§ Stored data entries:
☆ ☆ ☆ ☆ ☆
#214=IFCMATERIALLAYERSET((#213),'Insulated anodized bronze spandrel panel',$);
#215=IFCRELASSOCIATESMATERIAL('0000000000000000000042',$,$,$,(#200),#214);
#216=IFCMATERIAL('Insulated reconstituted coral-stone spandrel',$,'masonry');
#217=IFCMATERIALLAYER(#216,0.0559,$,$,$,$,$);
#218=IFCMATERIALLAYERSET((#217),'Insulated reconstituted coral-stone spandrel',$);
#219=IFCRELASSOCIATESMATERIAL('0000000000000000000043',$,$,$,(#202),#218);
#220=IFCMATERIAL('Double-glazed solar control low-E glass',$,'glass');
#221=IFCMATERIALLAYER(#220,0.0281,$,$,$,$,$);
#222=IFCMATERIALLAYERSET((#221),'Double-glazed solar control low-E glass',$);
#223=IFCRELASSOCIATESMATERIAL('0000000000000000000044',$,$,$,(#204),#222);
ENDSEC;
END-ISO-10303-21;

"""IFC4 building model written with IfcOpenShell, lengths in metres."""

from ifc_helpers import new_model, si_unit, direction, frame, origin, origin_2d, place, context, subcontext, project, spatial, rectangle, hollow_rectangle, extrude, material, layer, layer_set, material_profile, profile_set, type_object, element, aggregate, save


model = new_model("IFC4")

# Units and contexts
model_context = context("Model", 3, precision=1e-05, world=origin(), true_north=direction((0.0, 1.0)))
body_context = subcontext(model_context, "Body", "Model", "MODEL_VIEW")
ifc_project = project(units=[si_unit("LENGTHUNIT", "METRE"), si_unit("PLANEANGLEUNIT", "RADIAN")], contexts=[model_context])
☆ ☆ ☆ ☆ ☆
§ WORK TO COMPLETE:
Would you output all the records above exactly as written?

§ ANSWER TO THIS EXERCISE:
#214=IFCMATERIALLAYERSET((#213),'Insulated anodized bronze spandrel panel',$);
#215=IFCRELASSOCIATESMATERIAL('0000000000000000000042',$,$,$,(#200),#214);
#216=IFCMATERIAL('Insulated reconstituted coral-stone spandrel',$,'masonry');
#217=IFCMATERIALLAYER(#216,0.0559,$,$,$,$,$);
#218=IFCMATERIALLAYERSET((#217),'Insulated reconstituted coral-stone spandrel',$);
#219=IFCRELASSOCIATESMATERIAL('0000000000000000000043',$,$,$,(#202),#218);
#220=IFCMATERIAL('Double-glazed solar control low-E glass',$,'glass');
#221=IFCMATERIALLAYER(#220,0.0281,$,$,$,$,$);
#222=IFCMATERIALLAYERSET((#221),'Double-glazed solar control low-E glass',$);
#223=IFCRELASSOCIATESMATERIAL('0000000000000000000044',$,$,$,(#204),#222);
ENDSEC;
END-ISO-10303-21;

"""IFC4 building model written with IfcOpenShell, lengths in metres."""

from ifc_helpers import new_model, si_unit, direction, frame, origin, origin_2d, place, context, subcontext, project, spatial, rectangle, hollow_rectangle, extrude, material, layer, layer_set, material_profile, profile_set, type_object, element, aggregate, save


model = new_model("IFC4")

# Units and contexts
model_context = context("Model", 3, precision=1e-05, world=origin(), true_north=direction((0.0, 1.0)))
body_context = subcontext(model_context, "Body", "Model", "MODEL_VIEW")
ifc_project = project(units=[si_unit("LENGTHUNIT", "METRE"), si_unit("PLANEANGLEUNIT", "RADIAN")], contexts=[model_context])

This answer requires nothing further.